- _Instructions to follow_
The expected output is the line holding "#59=IFCLOCALPLACEMENT(#14,#2);" plus every line after it through the end of the listing, copied exactly.

- _Supplied information_
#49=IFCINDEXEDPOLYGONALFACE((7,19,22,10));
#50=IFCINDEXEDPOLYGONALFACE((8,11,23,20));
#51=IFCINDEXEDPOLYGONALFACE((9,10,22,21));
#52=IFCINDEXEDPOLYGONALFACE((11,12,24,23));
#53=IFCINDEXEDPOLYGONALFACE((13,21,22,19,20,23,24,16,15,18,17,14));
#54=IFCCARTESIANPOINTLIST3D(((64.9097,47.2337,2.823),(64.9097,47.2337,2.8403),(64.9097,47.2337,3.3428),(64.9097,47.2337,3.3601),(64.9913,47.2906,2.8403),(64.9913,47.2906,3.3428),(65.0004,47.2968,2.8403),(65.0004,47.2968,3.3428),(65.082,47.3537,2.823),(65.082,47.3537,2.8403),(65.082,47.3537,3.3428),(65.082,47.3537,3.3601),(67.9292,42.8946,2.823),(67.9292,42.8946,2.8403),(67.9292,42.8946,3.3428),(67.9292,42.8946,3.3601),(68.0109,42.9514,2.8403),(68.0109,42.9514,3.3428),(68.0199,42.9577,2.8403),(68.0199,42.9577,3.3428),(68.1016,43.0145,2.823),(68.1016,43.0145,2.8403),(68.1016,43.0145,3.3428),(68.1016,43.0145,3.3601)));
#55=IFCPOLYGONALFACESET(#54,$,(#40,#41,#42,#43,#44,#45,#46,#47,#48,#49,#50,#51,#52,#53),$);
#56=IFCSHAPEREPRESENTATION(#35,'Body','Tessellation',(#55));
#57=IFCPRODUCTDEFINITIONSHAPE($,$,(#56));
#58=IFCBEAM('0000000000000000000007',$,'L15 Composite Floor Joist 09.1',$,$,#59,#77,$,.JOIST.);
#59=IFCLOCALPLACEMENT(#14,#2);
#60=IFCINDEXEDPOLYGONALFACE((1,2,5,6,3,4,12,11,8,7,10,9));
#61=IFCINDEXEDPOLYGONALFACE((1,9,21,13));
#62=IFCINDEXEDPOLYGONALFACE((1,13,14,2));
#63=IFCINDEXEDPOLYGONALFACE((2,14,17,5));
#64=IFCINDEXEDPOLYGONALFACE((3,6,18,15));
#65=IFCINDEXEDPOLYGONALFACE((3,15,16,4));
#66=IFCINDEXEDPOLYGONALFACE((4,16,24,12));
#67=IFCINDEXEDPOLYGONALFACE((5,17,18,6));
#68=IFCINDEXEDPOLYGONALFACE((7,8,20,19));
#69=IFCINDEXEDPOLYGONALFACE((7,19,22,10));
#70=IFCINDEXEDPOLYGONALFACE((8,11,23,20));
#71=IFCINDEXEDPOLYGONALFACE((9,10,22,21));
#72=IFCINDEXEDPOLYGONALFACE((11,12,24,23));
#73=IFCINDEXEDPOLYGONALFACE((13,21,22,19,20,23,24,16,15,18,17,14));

- _Answer to this task_
#59=IFCLOCALPLACEMENT(#14,#2);
#60=IFCINDEXEDPOLYGONALFACE((1,2,5,6,3,4,12,11,8,7,10,9));
#61=IFCINDEXEDPOLYGONALFACE((1,9,21,13));
#62=IFCINDEXEDPOLYGONALFACE((1,13,14,2));
#63=IFCINDEXEDPOLYGONALFACE((2,14,17,5));
#64=IFCINDEXEDPOLYGONALFACE((3,6,18,15));
#65=IFCINDEXEDPOLYGONALFACE((3,15,16,4));
#66=IFCINDEXEDPOLYGONALFACE((4,16,24,12));
#67=IFCINDEXEDPOLYGONALFACE((5,17,18,6));
#68=IFCINDEXEDPOLYGONALFACE((7,8,20,19));
#69=IFCINDEXEDPOLYGONALFACE((7,19,22,10));
#70=IFCINDEXEDPOLYGONALFACE((8,11,23,20));
#71=IFCINDEXEDPOLYGONALFACE((9,10,22,21));
#72=IFCINDEXEDPOLYGONALFACE((11,12,24,23));
#73=IFCINDEXEDPOLYGONALFACE((13,21,22,19,20,23,24,16,15,18,17,14));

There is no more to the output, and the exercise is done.